# Try it
Exactly the lines from the one that holds "window_2_placement = place(opening_2_placement, origin())" to the end of the data below: retype these and nothing else.

☆ ☆ ☆ ☆ ☆

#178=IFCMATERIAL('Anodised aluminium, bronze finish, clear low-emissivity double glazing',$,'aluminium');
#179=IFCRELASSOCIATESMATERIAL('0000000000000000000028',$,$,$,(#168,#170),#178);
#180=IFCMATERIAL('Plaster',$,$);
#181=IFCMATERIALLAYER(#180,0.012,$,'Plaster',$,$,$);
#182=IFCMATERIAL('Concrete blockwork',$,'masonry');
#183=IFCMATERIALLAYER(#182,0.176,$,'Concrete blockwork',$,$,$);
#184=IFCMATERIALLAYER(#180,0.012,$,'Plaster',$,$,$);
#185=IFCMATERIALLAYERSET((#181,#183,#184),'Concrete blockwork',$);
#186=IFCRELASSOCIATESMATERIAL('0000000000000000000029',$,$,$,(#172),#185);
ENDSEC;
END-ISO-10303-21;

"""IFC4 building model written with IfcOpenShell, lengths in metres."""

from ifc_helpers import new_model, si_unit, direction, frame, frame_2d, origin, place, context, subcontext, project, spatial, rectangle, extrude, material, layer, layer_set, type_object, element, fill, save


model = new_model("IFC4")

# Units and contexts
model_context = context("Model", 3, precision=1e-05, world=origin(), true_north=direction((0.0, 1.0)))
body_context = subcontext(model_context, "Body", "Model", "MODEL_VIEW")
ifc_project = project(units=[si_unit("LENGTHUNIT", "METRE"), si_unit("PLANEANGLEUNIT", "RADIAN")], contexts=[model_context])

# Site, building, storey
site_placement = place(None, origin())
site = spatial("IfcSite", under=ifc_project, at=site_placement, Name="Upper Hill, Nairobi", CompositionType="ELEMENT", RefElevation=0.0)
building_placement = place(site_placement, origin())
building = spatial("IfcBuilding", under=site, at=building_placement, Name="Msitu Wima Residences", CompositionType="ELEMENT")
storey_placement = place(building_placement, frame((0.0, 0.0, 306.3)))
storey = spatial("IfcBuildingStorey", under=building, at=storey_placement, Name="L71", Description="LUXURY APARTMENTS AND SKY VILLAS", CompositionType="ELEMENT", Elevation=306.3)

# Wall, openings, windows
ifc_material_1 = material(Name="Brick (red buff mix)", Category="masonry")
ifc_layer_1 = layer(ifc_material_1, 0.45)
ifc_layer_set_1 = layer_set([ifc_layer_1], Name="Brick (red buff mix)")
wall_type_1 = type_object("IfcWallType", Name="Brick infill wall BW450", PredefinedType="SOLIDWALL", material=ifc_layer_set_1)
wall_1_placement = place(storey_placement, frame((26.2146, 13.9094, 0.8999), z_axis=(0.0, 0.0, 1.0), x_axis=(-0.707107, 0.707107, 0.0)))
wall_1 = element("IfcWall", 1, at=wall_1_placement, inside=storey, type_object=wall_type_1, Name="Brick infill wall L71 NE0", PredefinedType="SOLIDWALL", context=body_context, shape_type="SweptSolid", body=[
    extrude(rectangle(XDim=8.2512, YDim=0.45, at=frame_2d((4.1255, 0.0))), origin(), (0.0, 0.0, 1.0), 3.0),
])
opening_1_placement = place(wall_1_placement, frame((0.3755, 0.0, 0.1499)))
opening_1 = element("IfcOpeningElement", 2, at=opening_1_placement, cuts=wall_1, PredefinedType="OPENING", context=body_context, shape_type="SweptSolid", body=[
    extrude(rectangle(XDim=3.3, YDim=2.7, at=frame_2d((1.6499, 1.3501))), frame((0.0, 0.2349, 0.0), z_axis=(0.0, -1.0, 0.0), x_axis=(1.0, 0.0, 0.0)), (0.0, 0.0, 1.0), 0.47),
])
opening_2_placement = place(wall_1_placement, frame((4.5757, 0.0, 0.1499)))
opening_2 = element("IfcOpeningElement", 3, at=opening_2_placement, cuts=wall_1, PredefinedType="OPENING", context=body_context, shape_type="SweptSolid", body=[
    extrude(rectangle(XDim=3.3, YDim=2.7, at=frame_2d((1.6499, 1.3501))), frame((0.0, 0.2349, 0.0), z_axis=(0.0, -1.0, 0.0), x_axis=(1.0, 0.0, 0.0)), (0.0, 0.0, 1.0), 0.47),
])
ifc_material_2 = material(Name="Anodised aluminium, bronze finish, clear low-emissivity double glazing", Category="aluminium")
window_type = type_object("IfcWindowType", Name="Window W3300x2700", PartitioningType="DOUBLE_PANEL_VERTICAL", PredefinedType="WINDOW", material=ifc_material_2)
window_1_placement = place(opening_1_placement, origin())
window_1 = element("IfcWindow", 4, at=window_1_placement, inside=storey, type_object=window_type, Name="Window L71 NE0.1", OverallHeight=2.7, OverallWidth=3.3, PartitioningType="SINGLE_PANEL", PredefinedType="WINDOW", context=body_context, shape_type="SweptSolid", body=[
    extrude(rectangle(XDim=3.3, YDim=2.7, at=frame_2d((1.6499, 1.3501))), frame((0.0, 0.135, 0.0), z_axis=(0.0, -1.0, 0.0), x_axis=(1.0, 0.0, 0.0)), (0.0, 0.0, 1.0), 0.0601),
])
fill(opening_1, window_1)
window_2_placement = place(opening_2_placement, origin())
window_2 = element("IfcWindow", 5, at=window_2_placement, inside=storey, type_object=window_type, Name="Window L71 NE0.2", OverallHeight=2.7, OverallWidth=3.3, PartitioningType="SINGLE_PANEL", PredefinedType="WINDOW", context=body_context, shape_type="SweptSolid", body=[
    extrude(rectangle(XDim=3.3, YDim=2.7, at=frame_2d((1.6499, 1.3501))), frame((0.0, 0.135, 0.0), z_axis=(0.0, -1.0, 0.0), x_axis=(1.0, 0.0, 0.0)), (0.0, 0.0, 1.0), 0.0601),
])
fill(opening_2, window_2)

☆ ☆ ☆ ☆ ☆

# Result of the task
window_2_placement = place(opening_2_placement, origin())
window_2 = element("IfcWindow", 5, at=window_2_placement, inside=storey, type_object=window_type, Name="Window L71 NE0.2", OverallHeight=2.7, OverallWidth=3.3, PartitioningType="SINGLE_PANEL", PredefinedType="WINDOW", context=body_context, shape_type="SweptSolid", body=[
    extrude(rectangle(XDim=3.3, YDim=2.7, at=frame_2d((1.6499, 1.3501))), frame((0.0, 0.135, 0.0), z_axis=(0.0, -1.0, 0.0), x_axis=(1.0, 0.0, 0.0)), (0.0, 0.0, 1.0), 0.0601),
])
fill(opening_2, window_2)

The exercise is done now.